Saved data entries
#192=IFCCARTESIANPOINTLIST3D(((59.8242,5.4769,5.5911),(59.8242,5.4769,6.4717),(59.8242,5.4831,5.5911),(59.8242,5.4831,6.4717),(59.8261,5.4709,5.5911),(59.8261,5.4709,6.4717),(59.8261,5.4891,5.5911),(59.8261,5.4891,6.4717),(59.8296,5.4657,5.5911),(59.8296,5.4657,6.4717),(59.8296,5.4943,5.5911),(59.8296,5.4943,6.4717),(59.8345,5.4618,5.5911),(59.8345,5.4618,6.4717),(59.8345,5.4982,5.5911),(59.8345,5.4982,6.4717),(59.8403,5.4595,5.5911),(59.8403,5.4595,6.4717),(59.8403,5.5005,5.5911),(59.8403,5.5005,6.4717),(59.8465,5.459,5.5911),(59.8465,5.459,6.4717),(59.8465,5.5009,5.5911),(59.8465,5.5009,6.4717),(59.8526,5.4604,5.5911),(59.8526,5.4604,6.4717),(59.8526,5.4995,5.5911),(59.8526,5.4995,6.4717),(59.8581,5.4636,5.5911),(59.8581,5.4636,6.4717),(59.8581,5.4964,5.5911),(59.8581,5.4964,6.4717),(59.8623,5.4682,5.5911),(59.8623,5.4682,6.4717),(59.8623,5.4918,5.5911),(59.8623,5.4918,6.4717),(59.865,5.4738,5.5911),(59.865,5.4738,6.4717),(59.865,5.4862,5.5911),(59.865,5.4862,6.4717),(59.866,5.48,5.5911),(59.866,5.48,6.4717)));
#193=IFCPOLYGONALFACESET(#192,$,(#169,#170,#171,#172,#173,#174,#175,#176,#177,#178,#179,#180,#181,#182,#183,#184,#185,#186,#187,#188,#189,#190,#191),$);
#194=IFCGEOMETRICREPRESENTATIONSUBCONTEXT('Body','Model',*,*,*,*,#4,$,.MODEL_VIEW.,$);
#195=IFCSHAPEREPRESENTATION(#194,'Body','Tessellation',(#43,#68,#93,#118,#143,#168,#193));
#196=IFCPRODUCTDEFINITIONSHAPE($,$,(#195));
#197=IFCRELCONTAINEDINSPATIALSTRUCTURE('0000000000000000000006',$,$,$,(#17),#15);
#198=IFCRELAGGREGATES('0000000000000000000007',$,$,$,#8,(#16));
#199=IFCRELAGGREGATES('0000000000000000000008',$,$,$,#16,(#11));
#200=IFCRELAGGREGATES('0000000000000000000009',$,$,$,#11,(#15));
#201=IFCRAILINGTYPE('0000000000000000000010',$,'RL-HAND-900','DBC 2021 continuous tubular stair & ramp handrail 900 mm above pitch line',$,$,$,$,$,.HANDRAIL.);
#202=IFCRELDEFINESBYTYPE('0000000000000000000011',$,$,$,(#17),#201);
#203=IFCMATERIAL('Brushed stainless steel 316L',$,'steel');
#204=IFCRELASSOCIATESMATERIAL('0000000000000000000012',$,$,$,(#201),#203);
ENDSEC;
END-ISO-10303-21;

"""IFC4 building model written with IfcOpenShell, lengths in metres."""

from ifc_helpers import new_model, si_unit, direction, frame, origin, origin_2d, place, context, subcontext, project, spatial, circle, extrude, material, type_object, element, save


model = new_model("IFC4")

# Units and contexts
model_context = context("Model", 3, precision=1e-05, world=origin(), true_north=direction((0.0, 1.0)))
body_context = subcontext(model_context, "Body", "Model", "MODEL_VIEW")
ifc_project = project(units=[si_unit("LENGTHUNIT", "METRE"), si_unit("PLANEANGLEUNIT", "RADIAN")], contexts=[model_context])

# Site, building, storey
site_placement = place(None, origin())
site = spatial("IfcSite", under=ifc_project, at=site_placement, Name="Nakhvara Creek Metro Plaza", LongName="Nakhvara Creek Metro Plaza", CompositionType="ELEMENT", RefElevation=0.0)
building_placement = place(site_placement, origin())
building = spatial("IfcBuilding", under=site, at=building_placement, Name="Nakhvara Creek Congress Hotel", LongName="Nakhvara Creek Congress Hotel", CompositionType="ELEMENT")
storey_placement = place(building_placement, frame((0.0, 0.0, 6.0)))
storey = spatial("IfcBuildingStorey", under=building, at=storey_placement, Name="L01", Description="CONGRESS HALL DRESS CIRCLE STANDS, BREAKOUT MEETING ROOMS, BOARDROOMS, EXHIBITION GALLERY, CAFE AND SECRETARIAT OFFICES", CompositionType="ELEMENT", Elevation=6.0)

**WORK INSTRUCTIONS**
Reproduce every record, making sure each one stays exactly the same.

**EXERCISE RESPONSE**
#192=IFCCARTESIANPOINTLIST3D(((59.8242,5.4769,5.5911),(59.8242,5.4769,6.4717),(59.8242,5.4831,5.5911),(59.8242,5.4831,6.4717),(59.8261,5.4709,5.5911),(59.8261,5.4709,6.4717),(59.8261,5.4891,5.5911),(59.8261,5.4891,6.4717),(59.8296,5.4657,5.5911),(59.8296,5.4657,6.4717),(59.8296,5.4943,5.5911),(59.8296,5.4943,6.4717),(59.8345,5.4618,5.5911),(59.8345,5.4618,6.4717),(59.8345,5.4982,5.5911),(59.8345,5.4982,6.4717),(59.8403,5.4595,5.5911),(59.8403,5.4595,6.4717),(59.8403,5.5005,5.5911),(59.8403,5.5005,6.4717),(59.8465,5.459,5.5911),(59.8465,5.459,6.4717),(59.8465,5.5009,5.5911),(59.8465,5.5009,6.4717),(59.8526,5.4604,5.5911),(59.8526,5.4604,6.4717),(59.8526,5.4995,5.5911),(59.8526,5.4995,6.4717),(59.8581,5.4636,5.5911),(59.8581,5.4636,6.4717),(59.8581,5.4964,5.5911),(59.8581,5.4964,6.4717),(59.8623,5.4682,5.5911),(59.8623,5.4682,6.4717),(59.8623,5.4918,5.5911),(59.8623,5.4918,6.4717),(59.865,5.4738,5.5911),(59.865,5.4738,6.4717),(59.865,5.4862,5.5911),(59.865,5.4862,6.4717),(59.866,5.48,5.5911),(59.866,5.48,6.4717)));
#193=IFCPOLYGONALFACESET(#192,$,(#169,#170,#171,#172,#173,#174,#175,#176,#177,#178,#179,#180,#181,#182,#183,#184,#185,#186,#187,#188,#189,#190,#191),$);
#194=IFCGEOMETRICREPRESENTATIONSUBCONTEXT('Body','Model',*,*,*,*,#4,$,.MODEL_VIEW.,$);
#195=IFCSHAPEREPRESENTATION(#194,'Body','Tessellation',(#43,#68,#93,#118,#143,#168,#193));
#196=IFCPRODUCTDEFINITIONSHAPE($,$,(#195));
#197=IFCRELCONTAINEDINSPATIALSTRUCTURE('0000000000000000000006',$,$,$,(#17),#15);
#198=IFCRELAGGREGATES('0000000000000000000007',$,$,$,#8,(#16));
#199=IFCRELAGGREGATES('0000000000000000000008',$,$,$,#16,(#11));
#200=IFCRELAGGREGATES('0000000000000000000009',$,$,$,#11,(#15));
#201=IFCRAILINGTYPE('0000000000000000000010',$,'RL-HAND-900','DBC 2021 continuous tubular stair & ramp handrail 900 mm above pitch line',$,$,$,$,$,.HANDRAIL.);
#202=IFCRELDEFINESBYTYPE('0000000000000000000011',$,$,$,(#17),#201);
#203=IFCMATERIAL('Brushed stainless steel 316L',$,'steel');
#204=IFCRELASSOCIATESMATERIAL('0000000000000000000012',$,$,$,(#201),#203);
ENDSEC;
END-ISO-10303-21;

"""IFC4 building model written with IfcOpenShell, lengths in metres."""

from ifc_helpers import new_model, si_unit, direction, frame, origin, origin_2d, place, context, subcontext, project, spatial, circle, extrude, material, type_object, element, save


model = new_model("IFC4")

# Units and contexts
model_context = context("Model", 3, precision=1e-05, world=origin(), true_north=direction((0.0, 1.0)))
body_context = subcontext(model_context, "Body", "Model", "MODEL_VIEW")
ifc_project = project(units=[si_unit("LENGTHUNIT", "METRE"), si_unit("PLANEANGLEUNIT", "RADIAN")], contexts=[model_context])

# Site, building, storey
site_placement = place(None, origin())
site = spatial("IfcSite", under=ifc_project, at=site_placement, Name="Nakhvara Creek Metro Plaza", LongName="Nakhvara Creek Metro Plaza", CompositionType="ELEMENT", RefElevation=0.0)
building_placement = place(site_placement, origin())
building = spatial("IfcBuilding", under=site, at=building_placement, Name="Nakhvara Creek Congress Hotel", LongName="Nakhvara Creek Congress Hotel", CompositionType="ELEMENT")
storey_placement = place(building_placement, frame((0.0, 0.0, 6.0)))
storey = spatial("IfcBuildingStorey", under=building, at=storey_placement, Name="L01", Description="CONGRESS HALL DRESS CIRCLE STANDS, BREAKOUT MEETING ROOMS, BOARDROOMS, EXHIBITION GALLERY, CAFE AND SECRETARIAT OFFICES", CompositionType="ELEMENT", Elevation=6.0)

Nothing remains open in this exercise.